### EXERCISE BRIEF
Below is a listing; restate from it, character for character, the lines beginning at the line holding "#187=IFCMATERIALLAYER(#186,0.7,$,$,$,$,$);" and ending at the line holding "#193=IFCMATERIALLAYER(#192,0.0125,$,$,$,'gypsum',$);", both included.

*** Opening of RECORDS TO USE ***

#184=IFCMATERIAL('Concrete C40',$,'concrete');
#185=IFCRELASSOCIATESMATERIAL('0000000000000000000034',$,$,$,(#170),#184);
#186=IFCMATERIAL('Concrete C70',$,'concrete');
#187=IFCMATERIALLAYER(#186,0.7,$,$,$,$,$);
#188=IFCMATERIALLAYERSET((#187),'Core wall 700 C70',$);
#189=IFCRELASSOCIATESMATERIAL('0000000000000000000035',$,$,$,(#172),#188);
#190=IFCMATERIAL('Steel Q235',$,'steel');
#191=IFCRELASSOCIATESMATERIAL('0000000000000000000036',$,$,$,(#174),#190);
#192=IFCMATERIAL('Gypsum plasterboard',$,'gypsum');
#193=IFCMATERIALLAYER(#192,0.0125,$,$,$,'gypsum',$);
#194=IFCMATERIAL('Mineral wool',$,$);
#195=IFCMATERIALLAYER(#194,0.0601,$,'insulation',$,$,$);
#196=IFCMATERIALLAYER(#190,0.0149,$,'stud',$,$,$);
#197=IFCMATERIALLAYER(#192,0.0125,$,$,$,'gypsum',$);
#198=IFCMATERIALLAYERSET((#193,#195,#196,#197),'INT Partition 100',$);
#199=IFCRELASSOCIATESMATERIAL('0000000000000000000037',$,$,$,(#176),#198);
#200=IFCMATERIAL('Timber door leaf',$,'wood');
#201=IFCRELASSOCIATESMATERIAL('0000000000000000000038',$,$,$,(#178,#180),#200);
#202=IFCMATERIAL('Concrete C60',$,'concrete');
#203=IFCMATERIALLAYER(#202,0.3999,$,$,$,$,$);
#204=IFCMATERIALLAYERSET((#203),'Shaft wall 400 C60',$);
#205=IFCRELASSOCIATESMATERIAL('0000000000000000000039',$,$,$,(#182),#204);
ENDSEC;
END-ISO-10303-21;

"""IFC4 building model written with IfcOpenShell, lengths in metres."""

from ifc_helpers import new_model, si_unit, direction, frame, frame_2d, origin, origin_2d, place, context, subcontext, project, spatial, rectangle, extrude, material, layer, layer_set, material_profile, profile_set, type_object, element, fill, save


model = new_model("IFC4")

*** Close of RECORDS TO USE ***

### SOLVED PROBLEM
#187=IFCMATERIALLAYER(#186,0.7,$,$,$,$,$);
#188=IFCMATERIALLAYERSET((#187),'Core wall 700 C70',$);
#189=IFCRELASSOCIATESMATERIAL('0000000000000000000035',$,$,$,(#172),#188);
#190=IFCMATERIAL('Steel Q235',$,'steel');
#191=IFCRELASSOCIATESMATERIAL('0000000000000000000036',$,$,$,(#174),#190);
#192=IFCMATERIAL('Gypsum plasterboard',$,'gypsum');
#193=IFCMATERIALLAYER(#192,0.0125,$,$,$,'gypsum',$);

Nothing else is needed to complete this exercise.